*** EXTRACTED MATERIAL Section Begins ***

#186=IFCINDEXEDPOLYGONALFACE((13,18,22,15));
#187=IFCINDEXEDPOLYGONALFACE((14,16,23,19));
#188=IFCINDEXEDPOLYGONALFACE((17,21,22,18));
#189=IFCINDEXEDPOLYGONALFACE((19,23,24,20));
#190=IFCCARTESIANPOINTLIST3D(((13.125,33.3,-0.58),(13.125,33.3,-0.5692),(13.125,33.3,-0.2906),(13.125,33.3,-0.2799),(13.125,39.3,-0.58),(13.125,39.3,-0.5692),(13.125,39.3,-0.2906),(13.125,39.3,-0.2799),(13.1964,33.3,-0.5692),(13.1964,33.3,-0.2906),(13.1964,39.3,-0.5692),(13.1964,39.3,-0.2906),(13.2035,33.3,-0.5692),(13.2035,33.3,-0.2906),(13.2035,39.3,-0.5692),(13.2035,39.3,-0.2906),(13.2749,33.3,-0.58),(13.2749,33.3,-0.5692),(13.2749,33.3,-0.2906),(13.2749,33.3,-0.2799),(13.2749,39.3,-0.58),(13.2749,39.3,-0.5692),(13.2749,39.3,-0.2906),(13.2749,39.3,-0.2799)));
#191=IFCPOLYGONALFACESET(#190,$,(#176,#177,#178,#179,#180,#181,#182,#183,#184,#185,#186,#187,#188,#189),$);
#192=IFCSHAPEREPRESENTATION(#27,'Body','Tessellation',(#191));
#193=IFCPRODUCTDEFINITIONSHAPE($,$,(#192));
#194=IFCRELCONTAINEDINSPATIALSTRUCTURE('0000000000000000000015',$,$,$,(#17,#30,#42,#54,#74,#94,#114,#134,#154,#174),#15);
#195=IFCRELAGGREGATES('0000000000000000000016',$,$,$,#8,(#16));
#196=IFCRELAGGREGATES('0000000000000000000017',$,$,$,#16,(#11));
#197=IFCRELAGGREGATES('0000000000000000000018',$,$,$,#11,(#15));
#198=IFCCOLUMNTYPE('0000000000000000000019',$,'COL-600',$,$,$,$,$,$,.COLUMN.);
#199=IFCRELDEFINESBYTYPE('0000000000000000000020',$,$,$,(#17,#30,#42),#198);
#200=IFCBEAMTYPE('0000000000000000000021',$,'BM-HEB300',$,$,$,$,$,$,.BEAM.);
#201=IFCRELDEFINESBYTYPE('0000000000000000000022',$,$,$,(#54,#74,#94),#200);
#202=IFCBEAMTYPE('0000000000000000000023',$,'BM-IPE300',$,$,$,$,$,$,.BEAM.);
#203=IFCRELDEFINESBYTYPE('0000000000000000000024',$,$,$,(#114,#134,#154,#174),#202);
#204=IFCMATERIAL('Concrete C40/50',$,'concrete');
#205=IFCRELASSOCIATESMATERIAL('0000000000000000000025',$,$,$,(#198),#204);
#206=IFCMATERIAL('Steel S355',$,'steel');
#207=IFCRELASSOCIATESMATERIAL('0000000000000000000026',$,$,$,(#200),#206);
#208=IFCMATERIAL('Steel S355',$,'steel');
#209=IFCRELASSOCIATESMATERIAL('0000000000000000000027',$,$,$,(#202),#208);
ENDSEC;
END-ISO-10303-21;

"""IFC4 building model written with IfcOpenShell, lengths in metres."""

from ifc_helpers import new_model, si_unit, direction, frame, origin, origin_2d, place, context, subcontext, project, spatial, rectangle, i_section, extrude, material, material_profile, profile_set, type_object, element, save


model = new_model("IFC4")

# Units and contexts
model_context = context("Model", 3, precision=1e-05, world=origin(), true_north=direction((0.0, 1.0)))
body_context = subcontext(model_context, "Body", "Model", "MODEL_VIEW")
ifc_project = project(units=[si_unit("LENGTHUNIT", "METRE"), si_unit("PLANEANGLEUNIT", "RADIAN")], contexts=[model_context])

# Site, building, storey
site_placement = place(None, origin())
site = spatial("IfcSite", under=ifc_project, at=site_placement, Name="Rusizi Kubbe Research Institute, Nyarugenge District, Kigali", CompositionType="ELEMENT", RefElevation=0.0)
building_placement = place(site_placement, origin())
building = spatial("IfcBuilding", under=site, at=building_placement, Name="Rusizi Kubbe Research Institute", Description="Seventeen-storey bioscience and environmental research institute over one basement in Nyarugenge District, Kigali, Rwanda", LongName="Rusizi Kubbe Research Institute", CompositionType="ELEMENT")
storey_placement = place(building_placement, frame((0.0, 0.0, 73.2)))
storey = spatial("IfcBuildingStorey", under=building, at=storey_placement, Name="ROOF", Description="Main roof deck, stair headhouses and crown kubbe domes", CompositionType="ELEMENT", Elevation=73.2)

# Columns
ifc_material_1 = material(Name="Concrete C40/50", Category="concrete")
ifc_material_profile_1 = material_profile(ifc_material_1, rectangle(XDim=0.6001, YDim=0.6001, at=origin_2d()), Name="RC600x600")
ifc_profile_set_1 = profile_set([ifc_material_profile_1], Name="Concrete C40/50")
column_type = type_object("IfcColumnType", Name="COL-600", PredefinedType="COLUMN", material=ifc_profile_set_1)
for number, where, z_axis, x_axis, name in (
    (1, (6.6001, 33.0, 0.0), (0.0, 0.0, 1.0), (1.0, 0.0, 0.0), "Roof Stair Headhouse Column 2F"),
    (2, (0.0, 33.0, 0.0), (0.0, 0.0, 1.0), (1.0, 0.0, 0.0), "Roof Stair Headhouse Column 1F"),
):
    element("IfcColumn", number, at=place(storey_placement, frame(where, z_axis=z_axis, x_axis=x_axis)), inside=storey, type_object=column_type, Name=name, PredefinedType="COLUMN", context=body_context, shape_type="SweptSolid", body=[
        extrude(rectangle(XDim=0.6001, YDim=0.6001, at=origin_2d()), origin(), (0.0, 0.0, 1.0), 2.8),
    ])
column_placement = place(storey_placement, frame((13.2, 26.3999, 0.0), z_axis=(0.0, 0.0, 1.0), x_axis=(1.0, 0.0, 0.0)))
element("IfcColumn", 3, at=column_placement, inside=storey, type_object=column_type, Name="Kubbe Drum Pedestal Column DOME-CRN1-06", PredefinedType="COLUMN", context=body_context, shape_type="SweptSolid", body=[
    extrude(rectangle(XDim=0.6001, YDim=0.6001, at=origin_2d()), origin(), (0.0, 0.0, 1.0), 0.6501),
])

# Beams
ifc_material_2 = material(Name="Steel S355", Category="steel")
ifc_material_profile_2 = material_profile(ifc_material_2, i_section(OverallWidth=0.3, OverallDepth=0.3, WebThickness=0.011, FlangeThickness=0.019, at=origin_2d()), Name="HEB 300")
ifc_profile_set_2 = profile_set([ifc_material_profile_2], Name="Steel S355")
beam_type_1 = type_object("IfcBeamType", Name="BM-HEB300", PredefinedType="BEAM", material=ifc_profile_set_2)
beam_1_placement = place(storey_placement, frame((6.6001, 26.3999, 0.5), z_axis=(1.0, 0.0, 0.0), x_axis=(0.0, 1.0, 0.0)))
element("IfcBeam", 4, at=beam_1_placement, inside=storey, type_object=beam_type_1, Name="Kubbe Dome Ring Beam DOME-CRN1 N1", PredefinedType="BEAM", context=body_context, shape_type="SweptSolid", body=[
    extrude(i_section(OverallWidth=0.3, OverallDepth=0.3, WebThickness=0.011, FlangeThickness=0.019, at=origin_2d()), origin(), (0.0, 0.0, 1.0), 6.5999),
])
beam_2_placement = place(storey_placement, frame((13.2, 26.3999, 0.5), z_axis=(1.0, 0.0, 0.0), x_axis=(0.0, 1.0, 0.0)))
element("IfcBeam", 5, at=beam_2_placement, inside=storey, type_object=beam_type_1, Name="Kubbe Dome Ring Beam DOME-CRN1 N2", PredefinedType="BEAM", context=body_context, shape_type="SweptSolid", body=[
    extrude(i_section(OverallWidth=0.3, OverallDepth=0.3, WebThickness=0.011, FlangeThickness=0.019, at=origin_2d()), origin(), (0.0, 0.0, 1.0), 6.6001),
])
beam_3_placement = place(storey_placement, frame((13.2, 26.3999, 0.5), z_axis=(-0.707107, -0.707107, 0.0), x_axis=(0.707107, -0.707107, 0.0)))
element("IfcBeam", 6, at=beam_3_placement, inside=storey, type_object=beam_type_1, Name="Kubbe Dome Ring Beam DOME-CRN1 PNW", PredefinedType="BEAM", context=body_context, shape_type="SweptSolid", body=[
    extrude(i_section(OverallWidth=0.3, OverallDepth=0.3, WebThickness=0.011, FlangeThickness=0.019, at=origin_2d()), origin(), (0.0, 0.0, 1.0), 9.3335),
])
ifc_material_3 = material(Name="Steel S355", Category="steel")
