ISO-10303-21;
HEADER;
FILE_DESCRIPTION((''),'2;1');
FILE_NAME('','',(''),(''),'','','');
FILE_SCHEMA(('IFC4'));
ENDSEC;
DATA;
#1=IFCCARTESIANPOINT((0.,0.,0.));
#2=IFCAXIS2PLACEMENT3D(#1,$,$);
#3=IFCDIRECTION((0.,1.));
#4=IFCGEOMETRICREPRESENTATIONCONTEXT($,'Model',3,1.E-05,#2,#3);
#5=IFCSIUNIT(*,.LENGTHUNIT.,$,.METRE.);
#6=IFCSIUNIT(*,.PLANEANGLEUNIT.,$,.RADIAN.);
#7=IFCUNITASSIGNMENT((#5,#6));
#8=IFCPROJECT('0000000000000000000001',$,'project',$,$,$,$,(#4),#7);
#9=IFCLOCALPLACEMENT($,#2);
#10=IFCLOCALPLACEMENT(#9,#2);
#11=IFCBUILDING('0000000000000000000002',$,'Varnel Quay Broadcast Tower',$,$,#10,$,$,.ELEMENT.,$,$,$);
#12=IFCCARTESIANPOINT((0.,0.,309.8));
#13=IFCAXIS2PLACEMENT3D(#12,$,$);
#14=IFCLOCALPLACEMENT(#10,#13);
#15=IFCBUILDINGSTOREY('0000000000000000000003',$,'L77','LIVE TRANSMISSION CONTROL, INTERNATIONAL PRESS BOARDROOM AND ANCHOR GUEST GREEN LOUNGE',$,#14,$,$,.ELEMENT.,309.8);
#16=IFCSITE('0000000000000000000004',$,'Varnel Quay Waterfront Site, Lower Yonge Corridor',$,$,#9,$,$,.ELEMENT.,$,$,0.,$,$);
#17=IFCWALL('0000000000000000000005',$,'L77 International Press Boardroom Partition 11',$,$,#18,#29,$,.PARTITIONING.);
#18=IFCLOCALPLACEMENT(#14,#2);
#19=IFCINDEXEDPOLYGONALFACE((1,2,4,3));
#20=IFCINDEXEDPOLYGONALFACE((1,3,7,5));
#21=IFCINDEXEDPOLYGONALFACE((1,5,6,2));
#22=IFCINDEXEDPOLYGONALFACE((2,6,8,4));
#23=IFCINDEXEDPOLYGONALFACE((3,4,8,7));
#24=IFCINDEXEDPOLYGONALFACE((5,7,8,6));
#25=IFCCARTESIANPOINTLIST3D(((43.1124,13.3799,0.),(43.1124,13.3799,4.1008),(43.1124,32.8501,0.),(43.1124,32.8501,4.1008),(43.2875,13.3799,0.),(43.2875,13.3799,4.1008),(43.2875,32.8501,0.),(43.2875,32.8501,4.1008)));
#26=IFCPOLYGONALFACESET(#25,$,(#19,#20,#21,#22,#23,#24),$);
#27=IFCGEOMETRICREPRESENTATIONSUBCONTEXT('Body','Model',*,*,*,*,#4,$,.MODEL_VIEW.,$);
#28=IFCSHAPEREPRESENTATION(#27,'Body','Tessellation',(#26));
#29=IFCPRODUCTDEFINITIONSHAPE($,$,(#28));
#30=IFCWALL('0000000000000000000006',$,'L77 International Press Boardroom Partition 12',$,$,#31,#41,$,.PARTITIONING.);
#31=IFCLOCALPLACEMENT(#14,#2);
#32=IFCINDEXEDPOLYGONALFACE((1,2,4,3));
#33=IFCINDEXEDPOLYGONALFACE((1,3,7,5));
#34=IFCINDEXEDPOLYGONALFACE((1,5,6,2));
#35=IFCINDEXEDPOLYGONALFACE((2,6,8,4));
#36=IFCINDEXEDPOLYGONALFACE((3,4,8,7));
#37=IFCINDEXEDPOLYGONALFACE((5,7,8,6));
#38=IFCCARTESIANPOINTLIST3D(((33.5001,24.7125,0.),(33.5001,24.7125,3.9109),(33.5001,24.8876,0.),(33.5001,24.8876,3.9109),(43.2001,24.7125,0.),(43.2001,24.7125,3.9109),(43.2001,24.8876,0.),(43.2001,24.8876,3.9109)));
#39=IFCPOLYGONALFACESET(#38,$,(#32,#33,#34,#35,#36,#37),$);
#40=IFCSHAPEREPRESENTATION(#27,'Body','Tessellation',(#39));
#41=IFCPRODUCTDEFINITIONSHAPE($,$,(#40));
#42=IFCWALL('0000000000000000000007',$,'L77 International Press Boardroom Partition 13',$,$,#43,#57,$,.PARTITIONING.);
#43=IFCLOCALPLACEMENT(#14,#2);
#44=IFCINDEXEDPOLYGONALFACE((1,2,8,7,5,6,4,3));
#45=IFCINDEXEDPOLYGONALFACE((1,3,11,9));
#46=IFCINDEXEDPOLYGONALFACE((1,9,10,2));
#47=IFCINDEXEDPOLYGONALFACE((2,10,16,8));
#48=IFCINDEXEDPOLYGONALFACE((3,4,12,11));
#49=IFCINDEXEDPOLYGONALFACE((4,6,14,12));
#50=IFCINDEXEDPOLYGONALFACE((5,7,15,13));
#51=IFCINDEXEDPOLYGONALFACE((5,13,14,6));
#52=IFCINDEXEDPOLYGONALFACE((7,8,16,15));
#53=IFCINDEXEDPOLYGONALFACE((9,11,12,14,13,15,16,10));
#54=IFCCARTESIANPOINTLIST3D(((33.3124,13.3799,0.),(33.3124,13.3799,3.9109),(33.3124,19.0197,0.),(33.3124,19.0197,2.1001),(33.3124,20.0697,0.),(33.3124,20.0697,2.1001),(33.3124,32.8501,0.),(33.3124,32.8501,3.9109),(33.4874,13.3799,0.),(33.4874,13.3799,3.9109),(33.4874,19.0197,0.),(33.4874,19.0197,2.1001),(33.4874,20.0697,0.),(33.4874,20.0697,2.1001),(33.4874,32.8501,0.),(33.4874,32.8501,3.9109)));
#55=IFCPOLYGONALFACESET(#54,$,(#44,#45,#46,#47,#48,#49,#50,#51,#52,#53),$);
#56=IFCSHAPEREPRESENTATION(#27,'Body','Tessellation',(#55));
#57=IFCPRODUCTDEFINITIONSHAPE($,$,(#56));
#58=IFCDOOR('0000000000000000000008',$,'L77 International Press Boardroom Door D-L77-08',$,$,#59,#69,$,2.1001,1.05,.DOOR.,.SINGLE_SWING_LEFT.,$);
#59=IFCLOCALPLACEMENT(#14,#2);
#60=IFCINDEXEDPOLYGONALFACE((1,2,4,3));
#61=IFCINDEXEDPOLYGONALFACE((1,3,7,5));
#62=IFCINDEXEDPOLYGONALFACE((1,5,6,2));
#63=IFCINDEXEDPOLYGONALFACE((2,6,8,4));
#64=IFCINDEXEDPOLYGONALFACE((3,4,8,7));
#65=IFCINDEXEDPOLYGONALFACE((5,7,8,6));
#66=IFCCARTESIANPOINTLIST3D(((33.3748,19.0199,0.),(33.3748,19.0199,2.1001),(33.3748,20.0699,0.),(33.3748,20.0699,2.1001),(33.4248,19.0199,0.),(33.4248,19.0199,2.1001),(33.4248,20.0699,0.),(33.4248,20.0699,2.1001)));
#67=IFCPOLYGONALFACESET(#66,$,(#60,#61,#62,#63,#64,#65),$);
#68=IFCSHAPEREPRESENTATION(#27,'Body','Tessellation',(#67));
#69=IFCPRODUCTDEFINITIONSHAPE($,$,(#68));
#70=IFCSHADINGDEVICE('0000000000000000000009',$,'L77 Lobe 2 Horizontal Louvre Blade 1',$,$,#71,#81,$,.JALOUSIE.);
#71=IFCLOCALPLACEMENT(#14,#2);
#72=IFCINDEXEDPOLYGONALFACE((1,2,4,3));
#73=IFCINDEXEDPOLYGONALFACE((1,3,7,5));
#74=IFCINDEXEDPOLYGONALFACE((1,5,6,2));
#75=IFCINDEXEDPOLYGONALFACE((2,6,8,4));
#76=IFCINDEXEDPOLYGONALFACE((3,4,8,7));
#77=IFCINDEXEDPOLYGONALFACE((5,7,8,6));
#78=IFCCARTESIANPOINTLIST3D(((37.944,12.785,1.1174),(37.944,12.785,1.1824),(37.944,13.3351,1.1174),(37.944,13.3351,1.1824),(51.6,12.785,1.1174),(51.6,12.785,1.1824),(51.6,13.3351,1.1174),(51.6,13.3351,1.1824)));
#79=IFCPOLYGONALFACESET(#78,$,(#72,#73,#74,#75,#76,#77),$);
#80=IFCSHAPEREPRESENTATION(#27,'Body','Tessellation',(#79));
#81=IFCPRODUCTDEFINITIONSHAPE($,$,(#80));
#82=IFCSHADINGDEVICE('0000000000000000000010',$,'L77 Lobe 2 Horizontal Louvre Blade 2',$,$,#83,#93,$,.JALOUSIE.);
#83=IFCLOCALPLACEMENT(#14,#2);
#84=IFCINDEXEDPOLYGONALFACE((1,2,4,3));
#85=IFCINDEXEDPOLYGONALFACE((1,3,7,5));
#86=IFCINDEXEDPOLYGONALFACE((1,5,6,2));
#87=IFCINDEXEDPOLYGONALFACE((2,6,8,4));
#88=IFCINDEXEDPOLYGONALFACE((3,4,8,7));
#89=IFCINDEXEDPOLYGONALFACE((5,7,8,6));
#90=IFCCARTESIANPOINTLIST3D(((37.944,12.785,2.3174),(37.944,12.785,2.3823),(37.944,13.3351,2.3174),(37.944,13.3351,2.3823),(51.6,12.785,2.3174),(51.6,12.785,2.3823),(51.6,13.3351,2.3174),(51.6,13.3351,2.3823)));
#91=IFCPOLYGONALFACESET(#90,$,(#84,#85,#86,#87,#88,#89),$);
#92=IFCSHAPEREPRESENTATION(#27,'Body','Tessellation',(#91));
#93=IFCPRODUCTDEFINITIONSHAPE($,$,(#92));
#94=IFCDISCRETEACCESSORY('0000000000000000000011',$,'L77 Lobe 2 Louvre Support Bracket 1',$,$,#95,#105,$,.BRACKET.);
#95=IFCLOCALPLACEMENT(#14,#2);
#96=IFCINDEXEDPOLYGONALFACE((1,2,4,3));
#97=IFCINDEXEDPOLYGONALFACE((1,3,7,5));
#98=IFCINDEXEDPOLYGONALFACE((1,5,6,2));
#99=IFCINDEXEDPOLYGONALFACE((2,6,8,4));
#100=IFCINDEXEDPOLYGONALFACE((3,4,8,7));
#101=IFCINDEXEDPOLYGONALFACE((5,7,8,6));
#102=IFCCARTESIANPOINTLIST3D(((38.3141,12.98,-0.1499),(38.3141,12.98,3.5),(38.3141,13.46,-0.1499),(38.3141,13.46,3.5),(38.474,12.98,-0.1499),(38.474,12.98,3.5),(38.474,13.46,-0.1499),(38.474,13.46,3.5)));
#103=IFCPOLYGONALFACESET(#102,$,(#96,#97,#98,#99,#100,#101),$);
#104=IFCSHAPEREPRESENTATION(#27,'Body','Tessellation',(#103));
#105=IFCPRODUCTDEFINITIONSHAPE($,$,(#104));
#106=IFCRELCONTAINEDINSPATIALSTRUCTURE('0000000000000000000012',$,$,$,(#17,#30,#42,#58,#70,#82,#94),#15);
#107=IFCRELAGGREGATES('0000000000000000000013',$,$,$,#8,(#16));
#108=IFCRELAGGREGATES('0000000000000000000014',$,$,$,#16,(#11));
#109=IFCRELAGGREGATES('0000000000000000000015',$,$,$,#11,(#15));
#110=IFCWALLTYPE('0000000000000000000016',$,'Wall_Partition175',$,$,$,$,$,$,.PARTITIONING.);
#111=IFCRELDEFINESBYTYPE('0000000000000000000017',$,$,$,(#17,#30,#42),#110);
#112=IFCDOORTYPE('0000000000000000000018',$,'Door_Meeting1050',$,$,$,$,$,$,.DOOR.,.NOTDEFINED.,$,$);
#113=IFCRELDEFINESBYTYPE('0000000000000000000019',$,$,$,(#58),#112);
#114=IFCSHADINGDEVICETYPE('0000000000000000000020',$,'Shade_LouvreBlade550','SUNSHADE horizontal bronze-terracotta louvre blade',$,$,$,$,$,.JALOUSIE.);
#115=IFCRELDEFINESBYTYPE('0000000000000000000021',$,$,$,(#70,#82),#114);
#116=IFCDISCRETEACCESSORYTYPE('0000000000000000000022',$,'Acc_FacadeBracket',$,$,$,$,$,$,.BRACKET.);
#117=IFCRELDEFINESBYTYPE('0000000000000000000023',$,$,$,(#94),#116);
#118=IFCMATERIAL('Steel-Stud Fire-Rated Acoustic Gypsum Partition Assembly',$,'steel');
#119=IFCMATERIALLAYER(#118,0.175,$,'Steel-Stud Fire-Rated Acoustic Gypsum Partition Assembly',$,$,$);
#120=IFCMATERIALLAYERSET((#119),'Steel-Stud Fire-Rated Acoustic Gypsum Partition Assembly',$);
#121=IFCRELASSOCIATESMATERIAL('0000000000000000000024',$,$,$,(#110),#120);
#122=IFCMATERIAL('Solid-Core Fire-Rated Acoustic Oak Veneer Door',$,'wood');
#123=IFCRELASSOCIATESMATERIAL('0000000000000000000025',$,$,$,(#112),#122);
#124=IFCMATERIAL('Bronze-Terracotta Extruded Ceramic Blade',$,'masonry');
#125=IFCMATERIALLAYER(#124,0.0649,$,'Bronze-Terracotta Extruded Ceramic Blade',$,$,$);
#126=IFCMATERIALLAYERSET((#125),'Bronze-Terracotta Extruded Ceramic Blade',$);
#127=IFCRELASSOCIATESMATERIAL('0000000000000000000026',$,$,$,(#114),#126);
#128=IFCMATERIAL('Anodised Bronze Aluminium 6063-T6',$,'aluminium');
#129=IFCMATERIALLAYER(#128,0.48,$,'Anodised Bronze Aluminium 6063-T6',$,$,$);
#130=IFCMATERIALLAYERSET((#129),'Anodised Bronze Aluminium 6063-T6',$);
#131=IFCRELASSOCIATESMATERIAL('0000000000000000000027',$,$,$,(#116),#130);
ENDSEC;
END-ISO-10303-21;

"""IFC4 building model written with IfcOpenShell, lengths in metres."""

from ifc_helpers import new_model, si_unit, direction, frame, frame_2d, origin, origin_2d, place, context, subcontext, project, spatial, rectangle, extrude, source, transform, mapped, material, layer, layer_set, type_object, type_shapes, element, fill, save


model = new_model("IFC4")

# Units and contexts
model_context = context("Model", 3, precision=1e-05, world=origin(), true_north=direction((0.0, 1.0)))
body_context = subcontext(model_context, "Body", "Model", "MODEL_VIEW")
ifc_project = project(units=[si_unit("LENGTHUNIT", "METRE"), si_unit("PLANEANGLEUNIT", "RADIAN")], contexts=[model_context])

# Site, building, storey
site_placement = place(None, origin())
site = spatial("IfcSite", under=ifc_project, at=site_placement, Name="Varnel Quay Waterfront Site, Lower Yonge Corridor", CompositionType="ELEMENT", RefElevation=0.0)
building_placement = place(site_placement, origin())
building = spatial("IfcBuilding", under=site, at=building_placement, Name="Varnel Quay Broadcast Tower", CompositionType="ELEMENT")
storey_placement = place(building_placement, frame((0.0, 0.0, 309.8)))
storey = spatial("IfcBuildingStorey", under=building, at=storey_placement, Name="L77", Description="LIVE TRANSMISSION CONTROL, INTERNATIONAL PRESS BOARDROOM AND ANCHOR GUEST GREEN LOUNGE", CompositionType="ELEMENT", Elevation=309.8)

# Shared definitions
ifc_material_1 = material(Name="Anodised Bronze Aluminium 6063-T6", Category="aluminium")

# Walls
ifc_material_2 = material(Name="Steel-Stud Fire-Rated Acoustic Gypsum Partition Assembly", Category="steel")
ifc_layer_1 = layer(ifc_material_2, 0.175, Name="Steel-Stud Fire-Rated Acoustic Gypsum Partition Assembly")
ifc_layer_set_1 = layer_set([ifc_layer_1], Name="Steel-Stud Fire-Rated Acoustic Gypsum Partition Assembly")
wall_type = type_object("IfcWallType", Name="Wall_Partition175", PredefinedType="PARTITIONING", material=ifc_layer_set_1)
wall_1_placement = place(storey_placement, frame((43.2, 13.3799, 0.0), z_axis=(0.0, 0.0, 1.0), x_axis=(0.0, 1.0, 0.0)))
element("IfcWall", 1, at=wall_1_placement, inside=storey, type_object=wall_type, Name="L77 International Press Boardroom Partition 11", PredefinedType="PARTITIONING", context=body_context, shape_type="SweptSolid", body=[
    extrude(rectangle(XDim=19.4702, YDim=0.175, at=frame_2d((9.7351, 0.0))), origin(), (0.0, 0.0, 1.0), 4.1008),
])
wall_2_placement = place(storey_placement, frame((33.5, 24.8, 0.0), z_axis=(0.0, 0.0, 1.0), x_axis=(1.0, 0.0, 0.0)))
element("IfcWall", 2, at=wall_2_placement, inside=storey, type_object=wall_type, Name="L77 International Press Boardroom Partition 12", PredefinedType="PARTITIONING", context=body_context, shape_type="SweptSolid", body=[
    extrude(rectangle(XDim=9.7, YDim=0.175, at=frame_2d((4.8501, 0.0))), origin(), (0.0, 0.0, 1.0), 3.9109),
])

*** EXTRACTED MATERIAL Section Ends ***

--- DESCRIPTION OF THE TASK ---
Select every line of the records holding the string "Lobe".

--- ANSWER ---
#70=IFCSHADINGDEVICE('0000000000000000000009',$,'L77 Lobe 2 Horizontal Louvre Blade 1',$,$,#71,#81,$,.JALOUSIE.);
#82=IFCSHADINGDEVICE('0000000000000000000010',$,'L77 Lobe 2 Horizontal Louvre Blade 2',$,$,#83,#93,$,.JALOUSIE.);
#94=IFCDISCRETEACCESSORY('0000000000000000000011',$,'L77 Lobe 2 Louvre Support Bracket 1',$,$,#95,#105,$,.BRACKET.);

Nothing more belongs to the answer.